## Exercise prompt
Give back exactly the stretch of data below from the line holding "#114=IFCINDEXEDPOLYGONALFACE((3,4,8,7));" through the line holding "#126=IFCINDEXEDPOLYGONALFACE((3,4,8,7));", both ends included, and leave the remaining lines out.

Dataset excerpts
»»
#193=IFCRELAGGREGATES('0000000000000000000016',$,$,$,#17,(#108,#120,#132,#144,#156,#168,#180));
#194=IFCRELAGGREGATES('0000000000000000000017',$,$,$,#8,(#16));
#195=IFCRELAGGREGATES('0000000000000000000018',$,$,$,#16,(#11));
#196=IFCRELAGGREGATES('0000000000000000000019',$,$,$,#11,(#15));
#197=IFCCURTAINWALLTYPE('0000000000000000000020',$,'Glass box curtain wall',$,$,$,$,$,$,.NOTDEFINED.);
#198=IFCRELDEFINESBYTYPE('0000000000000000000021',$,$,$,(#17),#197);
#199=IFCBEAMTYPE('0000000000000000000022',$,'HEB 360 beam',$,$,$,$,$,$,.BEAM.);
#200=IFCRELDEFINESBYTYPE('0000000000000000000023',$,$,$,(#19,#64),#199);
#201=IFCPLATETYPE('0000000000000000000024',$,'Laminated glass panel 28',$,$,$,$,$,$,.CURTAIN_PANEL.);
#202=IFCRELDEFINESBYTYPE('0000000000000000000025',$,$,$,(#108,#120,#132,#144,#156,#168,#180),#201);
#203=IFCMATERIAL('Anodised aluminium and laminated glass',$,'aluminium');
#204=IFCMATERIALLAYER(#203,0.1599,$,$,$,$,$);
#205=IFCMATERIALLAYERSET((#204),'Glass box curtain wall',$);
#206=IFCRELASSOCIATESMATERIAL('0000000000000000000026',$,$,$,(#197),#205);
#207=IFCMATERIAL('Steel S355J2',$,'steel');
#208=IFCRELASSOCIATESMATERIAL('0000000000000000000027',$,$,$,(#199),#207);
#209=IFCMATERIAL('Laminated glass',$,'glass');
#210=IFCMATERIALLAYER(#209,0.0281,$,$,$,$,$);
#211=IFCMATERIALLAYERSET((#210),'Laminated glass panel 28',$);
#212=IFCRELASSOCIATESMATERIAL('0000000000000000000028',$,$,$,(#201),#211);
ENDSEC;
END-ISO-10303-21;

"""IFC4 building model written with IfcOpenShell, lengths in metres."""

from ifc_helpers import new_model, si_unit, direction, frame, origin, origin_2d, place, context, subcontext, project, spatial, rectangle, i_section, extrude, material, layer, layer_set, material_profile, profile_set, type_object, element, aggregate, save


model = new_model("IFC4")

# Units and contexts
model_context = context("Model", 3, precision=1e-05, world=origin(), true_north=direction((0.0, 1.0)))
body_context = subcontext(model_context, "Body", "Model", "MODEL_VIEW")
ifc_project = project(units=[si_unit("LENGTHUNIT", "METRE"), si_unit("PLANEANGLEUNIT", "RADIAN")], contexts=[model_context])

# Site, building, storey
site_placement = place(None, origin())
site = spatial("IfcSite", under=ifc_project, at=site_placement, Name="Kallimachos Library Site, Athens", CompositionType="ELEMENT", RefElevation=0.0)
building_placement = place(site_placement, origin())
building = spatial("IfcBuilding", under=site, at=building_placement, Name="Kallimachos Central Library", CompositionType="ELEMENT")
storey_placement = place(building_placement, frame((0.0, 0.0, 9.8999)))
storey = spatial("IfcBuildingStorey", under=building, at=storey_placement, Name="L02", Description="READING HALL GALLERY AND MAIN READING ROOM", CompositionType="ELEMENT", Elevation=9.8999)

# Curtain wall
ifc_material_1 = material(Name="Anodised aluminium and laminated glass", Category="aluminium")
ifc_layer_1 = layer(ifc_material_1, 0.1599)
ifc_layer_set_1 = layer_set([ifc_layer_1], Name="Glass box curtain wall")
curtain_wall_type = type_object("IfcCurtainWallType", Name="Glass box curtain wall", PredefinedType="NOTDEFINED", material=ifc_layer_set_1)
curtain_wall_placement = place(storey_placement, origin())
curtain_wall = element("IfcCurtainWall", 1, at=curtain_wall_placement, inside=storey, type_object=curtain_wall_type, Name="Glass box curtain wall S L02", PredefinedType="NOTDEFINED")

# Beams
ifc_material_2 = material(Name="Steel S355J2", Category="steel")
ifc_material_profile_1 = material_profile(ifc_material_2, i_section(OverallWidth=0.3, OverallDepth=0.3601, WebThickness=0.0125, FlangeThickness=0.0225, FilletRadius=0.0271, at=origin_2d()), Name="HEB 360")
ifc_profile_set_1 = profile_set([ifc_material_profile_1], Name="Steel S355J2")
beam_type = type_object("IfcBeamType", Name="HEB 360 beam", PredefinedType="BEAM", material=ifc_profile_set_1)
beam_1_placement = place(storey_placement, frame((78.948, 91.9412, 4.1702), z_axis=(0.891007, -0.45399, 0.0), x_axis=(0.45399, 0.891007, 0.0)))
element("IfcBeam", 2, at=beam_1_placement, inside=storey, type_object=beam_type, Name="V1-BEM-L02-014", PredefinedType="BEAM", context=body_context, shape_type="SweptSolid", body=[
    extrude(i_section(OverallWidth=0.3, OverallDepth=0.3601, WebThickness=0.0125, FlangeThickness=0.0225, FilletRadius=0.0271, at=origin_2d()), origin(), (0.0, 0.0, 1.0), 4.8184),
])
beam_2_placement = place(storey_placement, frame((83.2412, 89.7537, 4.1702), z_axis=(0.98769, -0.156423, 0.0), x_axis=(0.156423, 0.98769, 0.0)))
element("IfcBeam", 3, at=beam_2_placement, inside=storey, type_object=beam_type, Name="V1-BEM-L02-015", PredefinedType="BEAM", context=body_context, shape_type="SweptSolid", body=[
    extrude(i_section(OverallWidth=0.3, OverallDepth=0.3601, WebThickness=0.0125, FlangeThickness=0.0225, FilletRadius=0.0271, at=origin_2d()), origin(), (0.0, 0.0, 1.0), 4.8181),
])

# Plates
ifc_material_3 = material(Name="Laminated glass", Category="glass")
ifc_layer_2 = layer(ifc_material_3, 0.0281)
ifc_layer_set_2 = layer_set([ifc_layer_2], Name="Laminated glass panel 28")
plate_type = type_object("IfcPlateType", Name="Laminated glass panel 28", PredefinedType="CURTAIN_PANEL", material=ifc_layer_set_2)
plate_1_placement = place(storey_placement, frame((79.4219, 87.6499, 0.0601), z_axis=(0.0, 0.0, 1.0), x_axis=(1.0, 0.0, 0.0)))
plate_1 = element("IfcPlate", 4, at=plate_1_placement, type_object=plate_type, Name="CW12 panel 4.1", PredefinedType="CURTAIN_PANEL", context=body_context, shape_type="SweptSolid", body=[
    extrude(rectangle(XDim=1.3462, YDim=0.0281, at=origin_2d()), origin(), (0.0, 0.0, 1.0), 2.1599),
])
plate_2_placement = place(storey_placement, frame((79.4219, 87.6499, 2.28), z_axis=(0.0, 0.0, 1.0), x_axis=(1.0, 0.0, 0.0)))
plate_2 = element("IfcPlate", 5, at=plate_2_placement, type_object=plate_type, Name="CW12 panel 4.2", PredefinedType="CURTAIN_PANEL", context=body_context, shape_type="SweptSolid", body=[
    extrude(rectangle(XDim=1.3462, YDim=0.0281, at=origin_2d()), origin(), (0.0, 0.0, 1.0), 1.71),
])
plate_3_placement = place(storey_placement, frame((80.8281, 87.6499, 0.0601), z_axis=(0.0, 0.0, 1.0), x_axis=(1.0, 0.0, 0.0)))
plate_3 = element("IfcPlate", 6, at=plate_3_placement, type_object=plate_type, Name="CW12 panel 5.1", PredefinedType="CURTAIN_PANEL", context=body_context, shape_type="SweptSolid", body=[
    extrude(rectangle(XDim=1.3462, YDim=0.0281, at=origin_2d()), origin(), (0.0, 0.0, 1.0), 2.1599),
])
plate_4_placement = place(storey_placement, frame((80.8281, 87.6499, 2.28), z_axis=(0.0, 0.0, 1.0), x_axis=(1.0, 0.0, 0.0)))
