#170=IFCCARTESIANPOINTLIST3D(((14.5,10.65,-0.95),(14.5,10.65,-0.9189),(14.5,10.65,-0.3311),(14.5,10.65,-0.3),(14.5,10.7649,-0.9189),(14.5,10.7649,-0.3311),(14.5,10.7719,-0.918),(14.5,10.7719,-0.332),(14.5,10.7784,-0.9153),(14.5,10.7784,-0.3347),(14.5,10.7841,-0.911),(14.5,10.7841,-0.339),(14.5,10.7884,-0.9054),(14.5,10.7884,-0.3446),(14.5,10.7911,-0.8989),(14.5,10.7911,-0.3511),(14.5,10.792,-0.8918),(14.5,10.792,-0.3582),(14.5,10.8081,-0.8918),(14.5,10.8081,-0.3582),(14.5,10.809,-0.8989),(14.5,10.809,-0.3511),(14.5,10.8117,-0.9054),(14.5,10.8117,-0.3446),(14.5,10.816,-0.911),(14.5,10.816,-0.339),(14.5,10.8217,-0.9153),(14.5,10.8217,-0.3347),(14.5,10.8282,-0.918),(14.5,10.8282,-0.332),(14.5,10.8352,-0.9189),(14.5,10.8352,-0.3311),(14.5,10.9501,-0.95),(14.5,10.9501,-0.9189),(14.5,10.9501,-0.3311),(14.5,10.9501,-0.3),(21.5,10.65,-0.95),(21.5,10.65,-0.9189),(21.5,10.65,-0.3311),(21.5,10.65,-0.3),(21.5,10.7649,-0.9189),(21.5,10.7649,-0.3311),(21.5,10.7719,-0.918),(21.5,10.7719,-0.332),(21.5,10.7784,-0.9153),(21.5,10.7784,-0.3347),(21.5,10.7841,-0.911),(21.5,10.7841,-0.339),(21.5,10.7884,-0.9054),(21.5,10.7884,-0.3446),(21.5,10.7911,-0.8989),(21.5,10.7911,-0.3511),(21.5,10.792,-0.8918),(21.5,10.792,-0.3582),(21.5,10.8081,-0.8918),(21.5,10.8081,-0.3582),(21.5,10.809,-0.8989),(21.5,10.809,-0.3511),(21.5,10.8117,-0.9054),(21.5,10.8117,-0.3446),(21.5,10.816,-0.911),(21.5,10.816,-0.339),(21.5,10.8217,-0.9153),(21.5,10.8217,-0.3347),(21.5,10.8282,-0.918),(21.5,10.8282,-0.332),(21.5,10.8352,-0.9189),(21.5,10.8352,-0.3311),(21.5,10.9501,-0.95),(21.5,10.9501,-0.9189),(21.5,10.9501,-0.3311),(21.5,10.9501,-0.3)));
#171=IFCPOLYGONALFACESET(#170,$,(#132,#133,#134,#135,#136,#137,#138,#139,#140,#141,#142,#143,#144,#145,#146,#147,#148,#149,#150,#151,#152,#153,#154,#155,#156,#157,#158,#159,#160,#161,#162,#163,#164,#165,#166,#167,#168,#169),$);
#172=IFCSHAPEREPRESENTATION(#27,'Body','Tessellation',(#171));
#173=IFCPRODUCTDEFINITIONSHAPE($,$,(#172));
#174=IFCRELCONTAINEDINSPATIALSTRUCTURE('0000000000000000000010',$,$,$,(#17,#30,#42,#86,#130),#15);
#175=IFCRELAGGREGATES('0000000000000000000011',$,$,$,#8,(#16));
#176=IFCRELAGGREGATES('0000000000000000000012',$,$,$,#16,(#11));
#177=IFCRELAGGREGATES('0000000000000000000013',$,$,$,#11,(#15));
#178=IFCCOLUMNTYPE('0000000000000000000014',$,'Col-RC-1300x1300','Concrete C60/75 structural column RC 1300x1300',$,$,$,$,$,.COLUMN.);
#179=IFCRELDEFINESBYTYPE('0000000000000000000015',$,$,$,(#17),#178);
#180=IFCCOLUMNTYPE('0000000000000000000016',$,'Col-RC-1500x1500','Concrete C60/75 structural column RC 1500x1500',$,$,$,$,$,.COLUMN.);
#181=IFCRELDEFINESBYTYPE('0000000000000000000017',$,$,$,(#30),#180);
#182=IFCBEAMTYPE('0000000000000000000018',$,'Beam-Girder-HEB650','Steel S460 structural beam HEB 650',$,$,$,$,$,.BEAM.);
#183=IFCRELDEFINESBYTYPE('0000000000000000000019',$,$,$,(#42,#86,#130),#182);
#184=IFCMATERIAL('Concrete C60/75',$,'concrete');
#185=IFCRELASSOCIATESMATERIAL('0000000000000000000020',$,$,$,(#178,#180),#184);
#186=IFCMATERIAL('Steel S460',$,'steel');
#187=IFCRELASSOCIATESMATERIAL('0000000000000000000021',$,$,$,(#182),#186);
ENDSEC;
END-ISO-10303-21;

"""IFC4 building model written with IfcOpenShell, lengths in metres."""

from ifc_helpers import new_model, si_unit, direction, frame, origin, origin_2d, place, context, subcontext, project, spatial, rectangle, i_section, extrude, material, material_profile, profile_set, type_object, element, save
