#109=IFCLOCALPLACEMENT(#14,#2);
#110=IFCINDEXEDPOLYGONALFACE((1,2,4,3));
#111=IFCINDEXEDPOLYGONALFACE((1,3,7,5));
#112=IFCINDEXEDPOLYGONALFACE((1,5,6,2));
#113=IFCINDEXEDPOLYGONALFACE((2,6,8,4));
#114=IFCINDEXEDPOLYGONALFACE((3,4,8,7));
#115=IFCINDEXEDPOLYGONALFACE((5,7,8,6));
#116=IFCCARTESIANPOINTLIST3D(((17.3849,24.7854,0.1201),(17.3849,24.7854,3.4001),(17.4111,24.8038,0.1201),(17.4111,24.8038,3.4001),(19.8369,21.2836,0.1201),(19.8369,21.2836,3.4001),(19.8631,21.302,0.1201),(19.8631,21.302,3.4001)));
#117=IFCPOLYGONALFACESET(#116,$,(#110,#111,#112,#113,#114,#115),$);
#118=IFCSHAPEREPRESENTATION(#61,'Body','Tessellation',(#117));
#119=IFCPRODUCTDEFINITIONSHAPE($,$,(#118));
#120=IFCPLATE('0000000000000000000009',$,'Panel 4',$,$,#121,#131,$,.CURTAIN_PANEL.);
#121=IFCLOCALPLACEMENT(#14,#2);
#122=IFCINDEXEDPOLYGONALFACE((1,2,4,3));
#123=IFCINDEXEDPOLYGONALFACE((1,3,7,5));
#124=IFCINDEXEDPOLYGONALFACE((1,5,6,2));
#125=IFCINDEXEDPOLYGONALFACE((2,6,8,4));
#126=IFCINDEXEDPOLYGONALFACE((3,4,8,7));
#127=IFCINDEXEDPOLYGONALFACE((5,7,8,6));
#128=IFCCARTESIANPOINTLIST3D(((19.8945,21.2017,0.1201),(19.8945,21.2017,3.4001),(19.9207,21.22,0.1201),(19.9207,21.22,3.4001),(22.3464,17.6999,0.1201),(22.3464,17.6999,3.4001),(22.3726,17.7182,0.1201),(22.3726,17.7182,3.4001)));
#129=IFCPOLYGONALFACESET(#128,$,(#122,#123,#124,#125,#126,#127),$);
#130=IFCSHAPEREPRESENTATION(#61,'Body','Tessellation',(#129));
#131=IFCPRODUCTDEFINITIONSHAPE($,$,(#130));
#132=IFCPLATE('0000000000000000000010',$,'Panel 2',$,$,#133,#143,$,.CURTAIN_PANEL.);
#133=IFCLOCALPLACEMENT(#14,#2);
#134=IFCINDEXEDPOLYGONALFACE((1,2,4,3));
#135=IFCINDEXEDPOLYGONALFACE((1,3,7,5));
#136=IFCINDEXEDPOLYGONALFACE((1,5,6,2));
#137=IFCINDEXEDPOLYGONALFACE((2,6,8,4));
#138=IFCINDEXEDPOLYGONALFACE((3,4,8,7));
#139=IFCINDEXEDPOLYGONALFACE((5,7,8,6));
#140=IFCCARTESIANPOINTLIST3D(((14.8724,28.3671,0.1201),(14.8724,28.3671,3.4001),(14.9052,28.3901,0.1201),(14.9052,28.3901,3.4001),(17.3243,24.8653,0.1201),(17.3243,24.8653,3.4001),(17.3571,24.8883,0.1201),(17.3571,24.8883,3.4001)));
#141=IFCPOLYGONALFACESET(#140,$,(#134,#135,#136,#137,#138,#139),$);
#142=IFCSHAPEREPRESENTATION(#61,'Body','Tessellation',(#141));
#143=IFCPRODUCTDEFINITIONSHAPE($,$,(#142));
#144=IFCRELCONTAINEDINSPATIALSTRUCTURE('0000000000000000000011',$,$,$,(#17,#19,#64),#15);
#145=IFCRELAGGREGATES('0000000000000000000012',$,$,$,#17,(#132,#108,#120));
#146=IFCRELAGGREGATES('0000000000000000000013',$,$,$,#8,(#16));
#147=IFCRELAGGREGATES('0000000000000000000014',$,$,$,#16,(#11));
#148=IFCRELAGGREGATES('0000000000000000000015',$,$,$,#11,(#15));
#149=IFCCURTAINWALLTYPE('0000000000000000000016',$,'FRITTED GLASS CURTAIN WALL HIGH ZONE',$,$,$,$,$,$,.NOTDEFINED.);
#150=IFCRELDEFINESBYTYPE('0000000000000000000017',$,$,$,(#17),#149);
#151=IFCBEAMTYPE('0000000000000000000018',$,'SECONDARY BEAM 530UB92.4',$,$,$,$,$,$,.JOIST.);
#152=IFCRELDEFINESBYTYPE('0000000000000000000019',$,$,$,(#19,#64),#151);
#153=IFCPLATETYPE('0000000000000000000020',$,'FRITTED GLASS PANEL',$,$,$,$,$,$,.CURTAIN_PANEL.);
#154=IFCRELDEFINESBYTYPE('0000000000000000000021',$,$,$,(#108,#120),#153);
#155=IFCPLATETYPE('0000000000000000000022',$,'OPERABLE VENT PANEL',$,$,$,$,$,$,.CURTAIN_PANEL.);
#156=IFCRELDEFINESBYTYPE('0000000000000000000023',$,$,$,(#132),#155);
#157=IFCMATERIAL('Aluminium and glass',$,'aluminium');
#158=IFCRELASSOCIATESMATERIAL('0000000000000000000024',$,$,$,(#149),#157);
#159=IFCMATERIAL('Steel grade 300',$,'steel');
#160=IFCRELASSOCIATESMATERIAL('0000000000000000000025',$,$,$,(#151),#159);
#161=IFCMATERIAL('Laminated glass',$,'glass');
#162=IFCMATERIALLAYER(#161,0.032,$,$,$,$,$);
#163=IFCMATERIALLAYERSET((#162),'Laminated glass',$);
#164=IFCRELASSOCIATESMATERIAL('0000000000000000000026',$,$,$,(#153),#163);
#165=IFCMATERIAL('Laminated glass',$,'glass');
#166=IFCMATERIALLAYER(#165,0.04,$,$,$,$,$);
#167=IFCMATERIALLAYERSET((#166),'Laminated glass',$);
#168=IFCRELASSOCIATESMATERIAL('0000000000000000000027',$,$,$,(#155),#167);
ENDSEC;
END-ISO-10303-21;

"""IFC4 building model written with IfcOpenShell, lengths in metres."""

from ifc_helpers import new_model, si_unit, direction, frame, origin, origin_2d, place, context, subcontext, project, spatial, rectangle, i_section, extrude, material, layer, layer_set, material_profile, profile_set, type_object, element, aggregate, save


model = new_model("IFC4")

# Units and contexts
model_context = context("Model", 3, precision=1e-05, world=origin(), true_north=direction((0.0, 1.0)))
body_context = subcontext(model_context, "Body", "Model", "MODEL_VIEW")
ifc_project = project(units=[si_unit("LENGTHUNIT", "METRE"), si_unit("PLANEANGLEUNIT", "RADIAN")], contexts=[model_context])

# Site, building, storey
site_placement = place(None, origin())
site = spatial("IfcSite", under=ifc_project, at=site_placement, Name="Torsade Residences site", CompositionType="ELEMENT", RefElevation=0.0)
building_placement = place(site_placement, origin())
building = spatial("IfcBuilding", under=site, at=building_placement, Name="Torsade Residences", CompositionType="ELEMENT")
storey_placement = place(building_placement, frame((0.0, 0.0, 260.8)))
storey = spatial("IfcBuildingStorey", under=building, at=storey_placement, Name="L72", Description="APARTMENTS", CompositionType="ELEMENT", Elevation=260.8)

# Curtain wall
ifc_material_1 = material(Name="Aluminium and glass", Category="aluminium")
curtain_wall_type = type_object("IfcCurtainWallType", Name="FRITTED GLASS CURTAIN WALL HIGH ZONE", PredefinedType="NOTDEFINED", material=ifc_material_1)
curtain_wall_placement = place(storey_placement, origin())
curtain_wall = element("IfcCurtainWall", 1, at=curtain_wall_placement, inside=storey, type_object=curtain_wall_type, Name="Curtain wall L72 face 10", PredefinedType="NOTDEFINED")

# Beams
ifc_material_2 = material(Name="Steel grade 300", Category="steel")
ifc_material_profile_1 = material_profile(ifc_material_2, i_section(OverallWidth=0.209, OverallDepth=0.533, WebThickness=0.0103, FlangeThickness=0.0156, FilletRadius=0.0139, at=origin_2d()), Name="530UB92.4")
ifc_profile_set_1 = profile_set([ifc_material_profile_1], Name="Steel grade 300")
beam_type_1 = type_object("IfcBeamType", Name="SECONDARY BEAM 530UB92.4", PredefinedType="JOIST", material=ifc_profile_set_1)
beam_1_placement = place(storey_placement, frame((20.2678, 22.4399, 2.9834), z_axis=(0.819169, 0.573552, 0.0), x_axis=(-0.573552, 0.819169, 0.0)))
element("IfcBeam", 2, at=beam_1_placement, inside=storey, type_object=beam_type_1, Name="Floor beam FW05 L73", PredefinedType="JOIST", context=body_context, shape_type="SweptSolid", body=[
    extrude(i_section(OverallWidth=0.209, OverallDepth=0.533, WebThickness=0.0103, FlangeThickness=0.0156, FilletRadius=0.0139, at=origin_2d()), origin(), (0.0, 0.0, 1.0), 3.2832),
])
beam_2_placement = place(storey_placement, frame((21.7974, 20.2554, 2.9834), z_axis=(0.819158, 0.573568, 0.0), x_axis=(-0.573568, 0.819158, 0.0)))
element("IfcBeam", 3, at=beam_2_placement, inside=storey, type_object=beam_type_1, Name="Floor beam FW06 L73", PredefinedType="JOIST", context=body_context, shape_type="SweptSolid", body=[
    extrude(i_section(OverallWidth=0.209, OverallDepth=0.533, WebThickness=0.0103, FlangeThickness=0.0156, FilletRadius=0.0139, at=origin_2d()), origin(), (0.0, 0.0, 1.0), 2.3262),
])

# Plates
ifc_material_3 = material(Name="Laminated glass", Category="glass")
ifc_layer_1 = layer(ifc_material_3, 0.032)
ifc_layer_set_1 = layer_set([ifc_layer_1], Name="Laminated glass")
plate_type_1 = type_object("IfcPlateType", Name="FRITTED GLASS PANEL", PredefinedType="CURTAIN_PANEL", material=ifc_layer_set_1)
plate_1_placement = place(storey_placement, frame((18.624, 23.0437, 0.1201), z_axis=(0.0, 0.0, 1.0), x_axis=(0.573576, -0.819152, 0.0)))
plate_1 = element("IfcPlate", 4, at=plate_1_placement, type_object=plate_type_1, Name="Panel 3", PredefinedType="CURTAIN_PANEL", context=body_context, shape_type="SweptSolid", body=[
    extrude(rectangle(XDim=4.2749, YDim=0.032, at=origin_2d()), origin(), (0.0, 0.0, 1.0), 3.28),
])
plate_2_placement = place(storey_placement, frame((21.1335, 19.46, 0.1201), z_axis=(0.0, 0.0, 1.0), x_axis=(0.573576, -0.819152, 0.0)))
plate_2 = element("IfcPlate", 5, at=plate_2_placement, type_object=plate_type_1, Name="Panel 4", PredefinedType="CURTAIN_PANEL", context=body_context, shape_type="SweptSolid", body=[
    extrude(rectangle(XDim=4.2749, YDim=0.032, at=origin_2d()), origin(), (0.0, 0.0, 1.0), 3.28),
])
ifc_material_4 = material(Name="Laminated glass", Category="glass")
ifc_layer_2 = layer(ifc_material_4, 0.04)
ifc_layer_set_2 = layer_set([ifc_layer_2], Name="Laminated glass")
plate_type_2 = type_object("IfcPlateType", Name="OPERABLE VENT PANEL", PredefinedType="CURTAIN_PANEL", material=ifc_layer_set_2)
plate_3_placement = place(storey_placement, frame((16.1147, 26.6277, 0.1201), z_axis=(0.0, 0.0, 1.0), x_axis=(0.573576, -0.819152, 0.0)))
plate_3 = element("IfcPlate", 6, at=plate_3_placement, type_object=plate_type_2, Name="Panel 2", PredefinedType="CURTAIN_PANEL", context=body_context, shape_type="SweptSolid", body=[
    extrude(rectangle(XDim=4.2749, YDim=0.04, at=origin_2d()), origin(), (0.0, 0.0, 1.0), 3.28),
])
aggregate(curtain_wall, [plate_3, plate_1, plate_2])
««
## Exercise answer
#114=IFCINDEXEDPOLYGONALFACE((3,4,8,7));
#115=IFCINDEXEDPOLYGONALFACE((5,7,8,6));
#116=IFCCARTESIANPOINTLIST3D(((17.3849,24.7854,0.1201),(17.3849,24.7854,3.4001),(17.4111,24.8038,0.1201),(17.4111,24.8038,3.4001),(19.8369,21.2836,0.1201),(19.8369,21.2836,3.4001),(19.8631,21.302,0.1201),(19.8631,21.302,3.4001)));
#117=IFCPOLYGONALFACESET(#116,$,(#110,#111,#112,#113,#114,#115),$);
#118=IFCSHAPEREPRESENTATION(#61,'Body','Tessellation',(#117));
#119=IFCPRODUCTDEFINITIONSHAPE($,$,(#118));
#120=IFCPLATE('0000000000000000000009',$,'Panel 4',$,$,#121,#131,$,.CURTAIN_PANEL.);
#121=IFCLOCALPLACEMENT(#14,#2);
#122=IFCINDEXEDPOLYGONALFACE((1,2,4,3));
#123=IFCINDEXEDPOLYGONALFACE((1,3,7,5));
#124=IFCINDEXEDPOLYGONALFACE((1,5,6,2));
#125=IFCINDEXEDPOLYGONALFACE((2,6,8,4));
#126=IFCINDEXEDPOLYGONALFACE((3,4,8,7));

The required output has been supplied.